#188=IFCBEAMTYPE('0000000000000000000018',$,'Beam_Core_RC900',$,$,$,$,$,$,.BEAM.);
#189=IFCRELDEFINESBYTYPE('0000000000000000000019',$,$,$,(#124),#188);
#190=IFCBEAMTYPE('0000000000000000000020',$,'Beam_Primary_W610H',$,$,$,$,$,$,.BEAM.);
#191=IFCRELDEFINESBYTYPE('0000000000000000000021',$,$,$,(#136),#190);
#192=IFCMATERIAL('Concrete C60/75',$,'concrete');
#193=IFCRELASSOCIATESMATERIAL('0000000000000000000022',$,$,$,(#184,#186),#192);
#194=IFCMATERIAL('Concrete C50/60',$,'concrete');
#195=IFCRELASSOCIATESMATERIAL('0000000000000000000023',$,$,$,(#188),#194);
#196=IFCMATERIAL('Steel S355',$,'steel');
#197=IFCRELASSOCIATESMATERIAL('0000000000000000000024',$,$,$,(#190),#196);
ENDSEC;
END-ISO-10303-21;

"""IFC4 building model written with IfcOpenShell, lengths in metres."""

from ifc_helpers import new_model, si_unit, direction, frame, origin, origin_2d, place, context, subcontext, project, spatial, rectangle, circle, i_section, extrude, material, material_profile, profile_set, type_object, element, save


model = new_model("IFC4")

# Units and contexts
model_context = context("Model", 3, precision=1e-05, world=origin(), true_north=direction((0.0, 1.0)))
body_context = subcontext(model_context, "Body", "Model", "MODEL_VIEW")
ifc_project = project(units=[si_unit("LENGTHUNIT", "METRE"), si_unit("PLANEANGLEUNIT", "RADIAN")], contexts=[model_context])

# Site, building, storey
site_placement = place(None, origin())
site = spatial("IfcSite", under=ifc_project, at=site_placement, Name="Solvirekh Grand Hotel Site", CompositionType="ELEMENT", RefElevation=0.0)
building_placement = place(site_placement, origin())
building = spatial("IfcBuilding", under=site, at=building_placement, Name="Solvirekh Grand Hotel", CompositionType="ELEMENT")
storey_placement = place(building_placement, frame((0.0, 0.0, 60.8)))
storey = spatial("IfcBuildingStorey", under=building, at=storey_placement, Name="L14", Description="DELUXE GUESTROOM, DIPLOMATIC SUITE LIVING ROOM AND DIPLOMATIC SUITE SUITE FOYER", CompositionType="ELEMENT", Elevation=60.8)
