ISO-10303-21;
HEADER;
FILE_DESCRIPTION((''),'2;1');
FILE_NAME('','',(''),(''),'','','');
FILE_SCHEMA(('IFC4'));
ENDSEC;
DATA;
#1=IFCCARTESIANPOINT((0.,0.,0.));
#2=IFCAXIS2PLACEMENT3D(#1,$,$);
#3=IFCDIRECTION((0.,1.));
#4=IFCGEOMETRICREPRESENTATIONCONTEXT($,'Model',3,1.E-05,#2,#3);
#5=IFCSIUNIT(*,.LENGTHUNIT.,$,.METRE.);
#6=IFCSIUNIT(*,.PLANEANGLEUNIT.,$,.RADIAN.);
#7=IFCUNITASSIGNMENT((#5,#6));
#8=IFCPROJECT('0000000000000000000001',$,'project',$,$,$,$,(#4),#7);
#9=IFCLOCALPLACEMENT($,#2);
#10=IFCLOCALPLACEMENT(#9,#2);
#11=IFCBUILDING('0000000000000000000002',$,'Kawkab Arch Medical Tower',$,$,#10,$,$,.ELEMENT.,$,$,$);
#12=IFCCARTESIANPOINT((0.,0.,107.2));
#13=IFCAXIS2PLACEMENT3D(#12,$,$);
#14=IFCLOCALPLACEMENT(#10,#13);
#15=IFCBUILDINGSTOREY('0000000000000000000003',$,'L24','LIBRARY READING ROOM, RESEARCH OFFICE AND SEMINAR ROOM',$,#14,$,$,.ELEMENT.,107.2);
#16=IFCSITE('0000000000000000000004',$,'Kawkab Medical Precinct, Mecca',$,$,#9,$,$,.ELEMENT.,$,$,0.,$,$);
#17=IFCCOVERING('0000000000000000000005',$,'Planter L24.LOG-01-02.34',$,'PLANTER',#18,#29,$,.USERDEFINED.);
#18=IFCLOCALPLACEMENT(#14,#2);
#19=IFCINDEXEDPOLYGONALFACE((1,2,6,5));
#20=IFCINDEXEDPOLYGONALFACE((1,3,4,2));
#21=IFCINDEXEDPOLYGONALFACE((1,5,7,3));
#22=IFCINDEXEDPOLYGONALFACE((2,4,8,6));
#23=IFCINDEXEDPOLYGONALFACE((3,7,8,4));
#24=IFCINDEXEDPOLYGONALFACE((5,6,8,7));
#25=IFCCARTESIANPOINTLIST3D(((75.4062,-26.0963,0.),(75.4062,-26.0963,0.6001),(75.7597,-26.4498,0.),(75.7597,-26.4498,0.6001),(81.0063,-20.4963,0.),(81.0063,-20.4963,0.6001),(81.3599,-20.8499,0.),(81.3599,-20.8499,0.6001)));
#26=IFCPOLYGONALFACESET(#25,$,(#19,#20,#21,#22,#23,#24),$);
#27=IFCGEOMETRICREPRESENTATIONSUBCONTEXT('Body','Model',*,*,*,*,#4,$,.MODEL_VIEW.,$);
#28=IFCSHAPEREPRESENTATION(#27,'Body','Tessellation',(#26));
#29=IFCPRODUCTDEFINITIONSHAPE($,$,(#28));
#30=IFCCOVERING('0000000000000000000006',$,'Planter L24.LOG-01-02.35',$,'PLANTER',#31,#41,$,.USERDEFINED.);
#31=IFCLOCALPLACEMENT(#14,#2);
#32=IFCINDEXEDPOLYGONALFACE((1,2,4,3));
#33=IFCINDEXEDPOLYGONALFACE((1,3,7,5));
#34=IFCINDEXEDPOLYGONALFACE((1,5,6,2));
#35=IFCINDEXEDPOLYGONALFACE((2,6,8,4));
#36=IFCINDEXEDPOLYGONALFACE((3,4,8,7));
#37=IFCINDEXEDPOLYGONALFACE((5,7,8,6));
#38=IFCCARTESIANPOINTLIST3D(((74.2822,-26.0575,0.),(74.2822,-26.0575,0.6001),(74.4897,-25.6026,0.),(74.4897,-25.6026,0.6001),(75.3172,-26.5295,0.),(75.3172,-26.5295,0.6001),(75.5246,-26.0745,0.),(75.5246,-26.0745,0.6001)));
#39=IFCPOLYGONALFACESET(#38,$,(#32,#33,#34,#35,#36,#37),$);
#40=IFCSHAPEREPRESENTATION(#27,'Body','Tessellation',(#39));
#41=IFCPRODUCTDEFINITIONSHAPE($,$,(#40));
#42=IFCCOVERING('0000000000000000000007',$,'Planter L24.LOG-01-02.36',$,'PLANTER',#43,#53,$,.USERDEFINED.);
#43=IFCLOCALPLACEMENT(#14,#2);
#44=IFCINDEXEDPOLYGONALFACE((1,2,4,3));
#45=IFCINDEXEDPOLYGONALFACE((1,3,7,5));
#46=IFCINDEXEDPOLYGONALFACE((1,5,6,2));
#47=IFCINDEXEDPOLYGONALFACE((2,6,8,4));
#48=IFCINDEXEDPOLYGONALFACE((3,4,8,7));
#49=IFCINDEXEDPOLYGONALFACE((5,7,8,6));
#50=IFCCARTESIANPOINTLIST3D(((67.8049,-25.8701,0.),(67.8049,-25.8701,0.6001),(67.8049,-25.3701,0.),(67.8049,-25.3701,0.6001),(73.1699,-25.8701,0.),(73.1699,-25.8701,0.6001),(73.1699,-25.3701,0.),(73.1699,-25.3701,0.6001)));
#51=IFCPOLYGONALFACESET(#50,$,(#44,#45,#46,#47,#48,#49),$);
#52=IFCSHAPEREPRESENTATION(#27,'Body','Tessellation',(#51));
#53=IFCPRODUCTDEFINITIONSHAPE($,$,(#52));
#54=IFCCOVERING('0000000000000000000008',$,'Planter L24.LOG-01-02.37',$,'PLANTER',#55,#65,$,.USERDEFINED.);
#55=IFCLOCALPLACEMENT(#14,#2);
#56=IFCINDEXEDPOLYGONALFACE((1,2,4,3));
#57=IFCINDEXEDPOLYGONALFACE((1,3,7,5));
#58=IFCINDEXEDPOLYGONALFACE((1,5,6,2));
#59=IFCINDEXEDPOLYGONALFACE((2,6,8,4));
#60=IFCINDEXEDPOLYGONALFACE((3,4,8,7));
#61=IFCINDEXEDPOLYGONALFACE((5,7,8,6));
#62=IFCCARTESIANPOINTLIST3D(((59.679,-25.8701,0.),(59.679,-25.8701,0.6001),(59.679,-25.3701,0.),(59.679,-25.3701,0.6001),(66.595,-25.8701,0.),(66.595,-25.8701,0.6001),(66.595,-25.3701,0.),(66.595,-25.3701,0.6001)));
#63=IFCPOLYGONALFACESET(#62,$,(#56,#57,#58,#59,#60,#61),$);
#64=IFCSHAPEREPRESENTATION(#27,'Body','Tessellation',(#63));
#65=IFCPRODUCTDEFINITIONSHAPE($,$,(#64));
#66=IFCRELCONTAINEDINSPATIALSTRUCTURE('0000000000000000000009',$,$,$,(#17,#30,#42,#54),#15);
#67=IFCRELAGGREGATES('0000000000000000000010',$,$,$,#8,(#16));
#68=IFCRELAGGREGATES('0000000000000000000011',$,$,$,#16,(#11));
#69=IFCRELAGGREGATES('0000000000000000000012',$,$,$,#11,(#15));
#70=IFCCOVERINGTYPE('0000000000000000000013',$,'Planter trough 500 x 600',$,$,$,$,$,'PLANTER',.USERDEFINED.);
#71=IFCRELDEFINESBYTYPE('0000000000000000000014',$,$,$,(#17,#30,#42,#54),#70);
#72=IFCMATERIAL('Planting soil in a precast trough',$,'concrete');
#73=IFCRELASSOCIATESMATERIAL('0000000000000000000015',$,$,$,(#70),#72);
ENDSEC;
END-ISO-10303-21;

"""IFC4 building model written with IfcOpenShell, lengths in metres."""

from ifc_helpers import new_model, si_unit, direction, frame, origin, origin_2d, place, context, subcontext, project, spatial, rectangle, extrude, material, material_profile, profile_set, type_object, element, save


model = new_model("IFC4")

# Units and contexts
model_context = context("Model", 3, precision=1e-05, world=origin(), true_north=direction((0.0, 1.0)))
body_context = subcontext(model_context, "Body", "Model", "MODEL_VIEW")
ifc_project = project(units=[si_unit("LENGTHUNIT", "METRE"), si_unit("PLANEANGLEUNIT", "RADIAN")], contexts=[model_context])

# Site, building, storey
site_placement = place(None, origin())
site = spatial("IfcSite", under=ifc_project, at=site_placement, Name="Kawkab Medical Precinct, Mecca", CompositionType="ELEMENT", RefElevation=0.0)
building_placement = place(site_placement, origin())
building = spatial("IfcBuilding", under=site, at=building_placement, Name="Kawkab Arch Medical Tower", CompositionType="ELEMENT")
storey_placement = place(building_placement, frame((0.0, 0.0, 107.2)))
storey = spatial("IfcBuildingStorey", under=building, at=storey_placement, Name="L24", Description="LIBRARY READING ROOM, RESEARCH OFFICE AND SEMINAR ROOM", CompositionType="ELEMENT", Elevation=107.2)

# Coverings
ifc_material_1 = material(Name="Planting soil in a precast trough", Category="concrete")
ifc_material_profile_1 = material_profile(ifc_material_1, rectangle(XDim=0.5, YDim=0.6001, at=origin_2d()), Name="Trough 500x600")
ifc_profile_set_1 = profile_set([ifc_material_profile_1], Name="Planting soil in a precast trough")
covering_type_1 = type_object("IfcCoveringType", Name="Planter trough 500 x 600", ElementType="PLANTER", PredefinedType="USERDEFINED", material=ifc_profile_set_1)
covering_1_placement = place(storey_placement, frame((81.1831, -20.6731, 0.3), z_axis=(-0.707122, -0.707091, 0.0), x_axis=(0.707091, -0.707122, 0.0)))
element("IfcCovering", 1, at=covering_1_placement, inside=storey, type_object=covering_type_1, Name="Planter L24.LOG-01-02.34", ObjectType="PLANTER", PredefinedType="USERDEFINED", context=body_context, shape_type="SweptSolid", body=[
    extrude(rectangle(XDim=0.5, YDim=0.6001, at=origin_2d()), origin(), (0.0, 0.0, 1.0), 7.9197),
])
covering_2_placement = place(storey_placement, frame((75.4209, -26.302, 0.3), z_axis=(-0.909866, 0.414902, 0.0), x_axis=(-0.414902, -0.909866, 0.0)))
element("IfcCovering", 2, at=covering_2_placement, inside=storey, type_object=covering_type_1, Name="Planter L24.LOG-01-02.35", ObjectType="PLANTER", PredefinedType="USERDEFINED", context=body_context, shape_type="SweptSolid", body=[
    extrude(rectangle(XDim=0.5, YDim=0.6001, at=origin_2d()), origin(), (0.0, 0.0, 1.0), 1.1375),
])
covering_3_placement = place(storey_placement, frame((73.1699, -25.6201, 0.3), z_axis=(-1.0, 0.0, 0.0), x_axis=(0.0, -1.0, 0.0)))
element("IfcCovering", 3, at=covering_3_placement, inside=storey, type_object=covering_type_1, Name="Planter L24.LOG-01-02.36", ObjectType="PLANTER", PredefinedType="USERDEFINED", context=body_context, shape_type="SweptSolid", body=[
    extrude(rectangle(XDim=0.5, YDim=0.6001, at=origin_2d()), origin(), (0.0, 0.0, 1.0), 5.365),
])
covering_4_placement = place(storey_placement, frame((66.595, -25.6201, 0.3), z_axis=(-1.0, 0.0, 0.0), x_axis=(0.0, -1.0, 0.0)))
element("IfcCovering", 4, at=covering_4_placement, inside=storey, type_object=covering_type_1, Name="Planter L24.LOG-01-02.37", ObjectType="PLANTER", PredefinedType="USERDEFINED", context=body_context, shape_type="SweptSolid", body=[
    extrude(rectangle(XDim=0.5, YDim=0.6001, at=origin_2d()), origin(), (0.0, 0.0, 1.0), 6.916),
])

save(model, "model.ifc")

┄┄┄┄┄┄┄┄┄┄┄┄┄┄┄┄┄┄┄┄

> **TASK OBJECTIVE**: All lines above from the one holding "#39=IFCPOLYGONALFACESET(#38,$,(#32,#33,#34,#35,#36,#37),$);" to the one holding "#58=IFCINDEXEDPOLYGONALFACE((1,5,6,2));", inclusive, are to be copied exactly; no other line is wanted.

> **REPLY TO THE EXERCISE**:
#39=IFCPOLYGONALFACESET(#38,$,(#32,#33,#34,#35,#36,#37),$);
#40=IFCSHAPEREPRESENTATION(#27,'Body','Tessellation',(#39));
#41=IFCPRODUCTDEFINITIONSHAPE($,$,(#40));
#42=IFCCOVERING('0000000000000000000007',$,'Planter L24.LOG-01-02.36',$,'PLANTER',#43,#53,$,.USERDEFINED.);
#43=IFCLOCALPLACEMENT(#14,#2);
#44=IFCINDEXEDPOLYGONALFACE((1,2,4,3));
#45=IFCINDEXEDPOLYGONALFACE((1,3,7,5));
#46=IFCINDEXEDPOLYGONALFACE((1,5,6,2));
#47=IFCINDEXEDPOLYGONALFACE((2,6,8,4));
#48=IFCINDEXEDPOLYGONALFACE((3,4,8,7));
#49=IFCINDEXEDPOLYGONALFACE((5,7,8,6));
#50=IFCCARTESIANPOINTLIST3D(((67.8049,-25.8701,0.),(67.8049,-25.8701,0.6001),(67.8049,-25.3701,0.),(67.8049,-25.3701,0.6001),(73.1699,-25.8701,0.),(73.1699,-25.8701,0.6001),(73.1699,-25.3701,0.),(73.1699,-25.3701,0.6001)));
#51=IFCPOLYGONALFACESET(#50,$,(#44,#45,#46,#47,#48,#49),$);
#52=IFCSHAPEREPRESENTATION(#27,'Body','Tessellation',(#51));
#53=IFCPRODUCTDEFINITIONSHAPE($,$,(#52));
#54=IFCCOVERING('0000000000000000000008',$,'Planter L24.LOG-01-02.37',$,'PLANTER',#55,#65,$,.USERDEFINED.);
#55=IFCLOCALPLACEMENT(#14,#2);
#56=IFCINDEXEDPOLYGONALFACE((1,2,4,3));
#57=IFCINDEXEDPOLYGONALFACE((1,3,7,5));
#58=IFCINDEXEDPOLYGONALFACE((1,5,6,2));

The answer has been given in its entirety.